DATA TO USE:
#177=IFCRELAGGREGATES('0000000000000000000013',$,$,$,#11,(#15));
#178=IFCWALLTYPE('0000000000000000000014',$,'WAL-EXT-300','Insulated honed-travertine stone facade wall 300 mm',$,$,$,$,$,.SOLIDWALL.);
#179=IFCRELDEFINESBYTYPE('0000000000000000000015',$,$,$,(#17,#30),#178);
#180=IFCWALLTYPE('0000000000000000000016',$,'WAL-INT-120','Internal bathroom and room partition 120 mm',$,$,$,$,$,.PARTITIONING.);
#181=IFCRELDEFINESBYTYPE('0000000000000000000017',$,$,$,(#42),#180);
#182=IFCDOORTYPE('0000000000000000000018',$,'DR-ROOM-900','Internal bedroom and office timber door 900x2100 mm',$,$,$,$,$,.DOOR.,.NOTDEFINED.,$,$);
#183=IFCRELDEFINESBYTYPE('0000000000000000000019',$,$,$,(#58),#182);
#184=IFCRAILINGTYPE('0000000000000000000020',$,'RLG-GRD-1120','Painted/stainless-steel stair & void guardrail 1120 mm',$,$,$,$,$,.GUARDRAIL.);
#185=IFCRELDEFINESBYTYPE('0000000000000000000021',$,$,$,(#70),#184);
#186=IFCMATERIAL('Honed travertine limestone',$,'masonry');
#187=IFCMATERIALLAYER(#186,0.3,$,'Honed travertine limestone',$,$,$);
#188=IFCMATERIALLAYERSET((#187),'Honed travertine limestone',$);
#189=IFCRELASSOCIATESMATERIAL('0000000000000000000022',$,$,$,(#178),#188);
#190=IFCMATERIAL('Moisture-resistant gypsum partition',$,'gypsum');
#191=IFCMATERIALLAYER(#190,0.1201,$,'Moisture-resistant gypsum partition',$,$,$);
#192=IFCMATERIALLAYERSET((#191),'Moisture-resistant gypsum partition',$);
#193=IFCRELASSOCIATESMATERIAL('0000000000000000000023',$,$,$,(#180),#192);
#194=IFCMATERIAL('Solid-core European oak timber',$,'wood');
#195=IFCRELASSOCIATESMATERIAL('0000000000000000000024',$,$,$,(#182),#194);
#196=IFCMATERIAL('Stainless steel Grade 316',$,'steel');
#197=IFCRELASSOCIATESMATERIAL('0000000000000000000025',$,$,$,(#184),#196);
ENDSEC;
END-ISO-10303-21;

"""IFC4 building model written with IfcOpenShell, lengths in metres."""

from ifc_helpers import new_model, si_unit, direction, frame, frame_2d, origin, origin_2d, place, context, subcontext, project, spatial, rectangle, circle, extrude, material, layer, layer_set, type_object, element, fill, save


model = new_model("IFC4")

PROBLEM:
Give back the complete data, each line unchanged.

TASK RESULT:
#177=IFCRELAGGREGATES('0000000000000000000013',$,$,$,#11,(#15));
#178=IFCWALLTYPE('0000000000000000000014',$,'WAL-EXT-300','Insulated honed-travertine stone facade wall 300 mm',$,$,$,$,$,.SOLIDWALL.);
#179=IFCRELDEFINESBYTYPE('0000000000000000000015',$,$,$,(#17,#30),#178);
#180=IFCWALLTYPE('0000000000000000000016',$,'WAL-INT-120','Internal bathroom and room partition 120 mm',$,$,$,$,$,.PARTITIONING.);
#181=IFCRELDEFINESBYTYPE('0000000000000000000017',$,$,$,(#42),#180);
#182=IFCDOORTYPE('0000000000000000000018',$,'DR-ROOM-900','Internal bedroom and office timber door 900x2100 mm',$,$,$,$,$,.DOOR.,.NOTDEFINED.,$,$);
#183=IFCRELDEFINESBYTYPE('0000000000000000000019',$,$,$,(#58),#182);
#184=IFCRAILINGTYPE('0000000000000000000020',$,'RLG-GRD-1120','Painted/stainless-steel stair & void guardrail 1120 mm',$,$,$,$,$,.GUARDRAIL.);
#185=IFCRELDEFINESBYTYPE('0000000000000000000021',$,$,$,(#70),#184);
#186=IFCMATERIAL('Honed travertine limestone',$,'masonry');
#187=IFCMATERIALLAYER(#186,0.3,$,'Honed travertine limestone',$,$,$);
#188=IFCMATERIALLAYERSET((#187),'Honed travertine limestone',$);
#189=IFCRELASSOCIATESMATERIAL('0000000000000000000022',$,$,$,(#178),#188);
#190=IFCMATERIAL('Moisture-resistant gypsum partition',$,'gypsum');
#191=IFCMATERIALLAYER(#190,0.1201,$,'Moisture-resistant gypsum partition',$,$,$);
#192=IFCMATERIALLAYERSET((#191),'Moisture-resistant gypsum partition',$);
#193=IFCRELASSOCIATESMATERIAL('0000000000000000000023',$,$,$,(#180),#192);
#194=IFCMATERIAL('Solid-core European oak timber',$,'wood');
#195=IFCRELASSOCIATESMATERIAL('0000000000000000000024',$,$,$,(#182),#194);
#196=IFCMATERIAL('Stainless steel Grade 316',$,'steel');
#197=IFCRELASSOCIATESMATERIAL('0000000000000000000025',$,$,$,(#184),#196);
ENDSEC;
END-ISO-10303-21;

"""IFC4 building model written with IfcOpenShell, lengths in metres."""

from ifc_helpers import new_model, si_unit, direction, frame, frame_2d, origin, origin_2d, place, context, subcontext, project, spatial, rectangle, circle, extrude, material, layer, layer_set, type_object, element, fill, save


model = new_model("IFC4")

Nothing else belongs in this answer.